TASK PROMPT -
In the entries below, find each line with the word "risers" and pull it out.

PROVIDED DATA -

□ □ □ □

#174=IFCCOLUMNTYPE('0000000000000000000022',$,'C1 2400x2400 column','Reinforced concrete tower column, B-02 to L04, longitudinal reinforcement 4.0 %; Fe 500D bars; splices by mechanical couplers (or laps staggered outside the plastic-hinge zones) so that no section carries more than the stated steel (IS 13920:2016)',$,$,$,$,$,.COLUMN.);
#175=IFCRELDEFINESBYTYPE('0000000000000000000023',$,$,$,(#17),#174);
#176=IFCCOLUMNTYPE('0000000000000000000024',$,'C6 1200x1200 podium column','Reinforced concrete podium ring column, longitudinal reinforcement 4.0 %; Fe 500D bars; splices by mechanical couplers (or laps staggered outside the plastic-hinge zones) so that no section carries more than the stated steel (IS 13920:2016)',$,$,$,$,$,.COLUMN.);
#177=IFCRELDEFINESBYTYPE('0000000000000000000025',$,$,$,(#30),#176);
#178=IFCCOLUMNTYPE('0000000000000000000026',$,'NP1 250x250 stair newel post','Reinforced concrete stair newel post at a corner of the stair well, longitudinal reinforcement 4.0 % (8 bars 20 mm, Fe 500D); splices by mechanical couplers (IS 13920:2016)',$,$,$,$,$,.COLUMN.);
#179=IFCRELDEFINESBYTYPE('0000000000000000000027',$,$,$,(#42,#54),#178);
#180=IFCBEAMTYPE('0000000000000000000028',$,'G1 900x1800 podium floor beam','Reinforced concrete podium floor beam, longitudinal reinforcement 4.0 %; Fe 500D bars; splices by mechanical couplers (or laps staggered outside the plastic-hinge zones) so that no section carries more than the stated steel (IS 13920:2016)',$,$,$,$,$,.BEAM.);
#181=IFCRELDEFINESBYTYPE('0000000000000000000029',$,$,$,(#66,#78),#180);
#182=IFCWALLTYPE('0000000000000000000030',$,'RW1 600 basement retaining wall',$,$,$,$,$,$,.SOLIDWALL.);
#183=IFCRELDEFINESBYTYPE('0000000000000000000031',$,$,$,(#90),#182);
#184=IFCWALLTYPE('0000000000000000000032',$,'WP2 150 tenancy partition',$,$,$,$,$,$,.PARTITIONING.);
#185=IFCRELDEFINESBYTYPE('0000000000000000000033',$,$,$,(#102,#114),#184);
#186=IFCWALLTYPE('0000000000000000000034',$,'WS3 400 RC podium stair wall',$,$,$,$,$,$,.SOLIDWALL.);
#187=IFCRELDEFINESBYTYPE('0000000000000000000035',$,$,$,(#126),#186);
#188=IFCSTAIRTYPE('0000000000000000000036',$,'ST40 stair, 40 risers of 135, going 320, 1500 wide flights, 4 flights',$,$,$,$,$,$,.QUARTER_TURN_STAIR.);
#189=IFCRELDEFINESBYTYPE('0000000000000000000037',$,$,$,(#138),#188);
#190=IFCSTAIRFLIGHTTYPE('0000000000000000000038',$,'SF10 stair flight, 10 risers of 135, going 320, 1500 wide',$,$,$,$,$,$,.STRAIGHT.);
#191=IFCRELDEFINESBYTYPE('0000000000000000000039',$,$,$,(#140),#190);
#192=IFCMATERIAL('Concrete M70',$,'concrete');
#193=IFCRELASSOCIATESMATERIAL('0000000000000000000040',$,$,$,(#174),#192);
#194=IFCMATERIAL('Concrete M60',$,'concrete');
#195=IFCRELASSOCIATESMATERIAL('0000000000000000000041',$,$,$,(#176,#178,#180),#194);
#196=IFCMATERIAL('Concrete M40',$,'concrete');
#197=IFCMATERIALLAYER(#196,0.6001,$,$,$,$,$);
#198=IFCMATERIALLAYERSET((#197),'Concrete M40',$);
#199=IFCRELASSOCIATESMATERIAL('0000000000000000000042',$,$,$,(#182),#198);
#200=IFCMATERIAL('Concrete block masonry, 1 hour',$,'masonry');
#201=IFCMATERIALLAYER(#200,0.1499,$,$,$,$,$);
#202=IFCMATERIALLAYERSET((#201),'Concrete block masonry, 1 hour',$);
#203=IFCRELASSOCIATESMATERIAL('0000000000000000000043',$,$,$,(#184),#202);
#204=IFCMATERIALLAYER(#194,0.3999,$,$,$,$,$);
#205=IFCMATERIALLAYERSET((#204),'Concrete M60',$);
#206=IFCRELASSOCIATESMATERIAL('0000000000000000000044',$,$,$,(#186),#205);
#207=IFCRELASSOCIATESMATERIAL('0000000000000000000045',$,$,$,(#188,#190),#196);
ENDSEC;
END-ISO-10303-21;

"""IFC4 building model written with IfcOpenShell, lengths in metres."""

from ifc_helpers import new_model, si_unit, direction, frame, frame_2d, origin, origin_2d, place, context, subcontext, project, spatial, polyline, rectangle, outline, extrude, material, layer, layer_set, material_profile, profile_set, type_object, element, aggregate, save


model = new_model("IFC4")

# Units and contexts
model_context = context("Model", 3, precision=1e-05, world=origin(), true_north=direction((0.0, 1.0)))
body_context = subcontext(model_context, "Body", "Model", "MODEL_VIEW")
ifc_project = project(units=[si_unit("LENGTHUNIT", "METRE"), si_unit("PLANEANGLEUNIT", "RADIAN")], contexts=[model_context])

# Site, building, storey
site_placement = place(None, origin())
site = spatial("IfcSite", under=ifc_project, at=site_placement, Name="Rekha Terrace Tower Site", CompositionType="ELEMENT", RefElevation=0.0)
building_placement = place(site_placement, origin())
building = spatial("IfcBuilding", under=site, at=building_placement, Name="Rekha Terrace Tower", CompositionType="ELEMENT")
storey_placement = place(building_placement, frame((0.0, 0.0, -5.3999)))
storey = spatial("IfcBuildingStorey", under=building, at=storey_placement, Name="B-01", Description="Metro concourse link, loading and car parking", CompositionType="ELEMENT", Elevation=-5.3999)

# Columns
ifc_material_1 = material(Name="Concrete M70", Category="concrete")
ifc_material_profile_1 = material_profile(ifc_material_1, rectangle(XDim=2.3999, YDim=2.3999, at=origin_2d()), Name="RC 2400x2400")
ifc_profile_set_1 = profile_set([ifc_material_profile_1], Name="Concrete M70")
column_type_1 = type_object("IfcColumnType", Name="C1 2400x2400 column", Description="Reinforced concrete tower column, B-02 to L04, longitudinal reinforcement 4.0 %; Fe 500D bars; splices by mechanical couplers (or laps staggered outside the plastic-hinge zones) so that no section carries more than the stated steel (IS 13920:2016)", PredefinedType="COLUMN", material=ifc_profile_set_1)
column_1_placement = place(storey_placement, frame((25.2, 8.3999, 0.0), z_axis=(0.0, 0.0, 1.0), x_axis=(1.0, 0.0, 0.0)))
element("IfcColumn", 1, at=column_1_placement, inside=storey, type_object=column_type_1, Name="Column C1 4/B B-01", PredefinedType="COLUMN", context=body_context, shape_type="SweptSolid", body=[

□ □ □ □

EXERCISE RESULT -
#188=IFCSTAIRTYPE('0000000000000000000036',$,'ST40 stair, 40 risers of 135, going 320, 1500 wide flights, 4 flights',$,$,$,$,$,$,.QUARTER_TURN_STAIR.);
#190=IFCSTAIRFLIGHTTYPE('0000000000000000000038',$,'SF10 stair flight, 10 risers of 135, going 320, 1500 wide',$,$,$,$,$,$,.STRAIGHT.);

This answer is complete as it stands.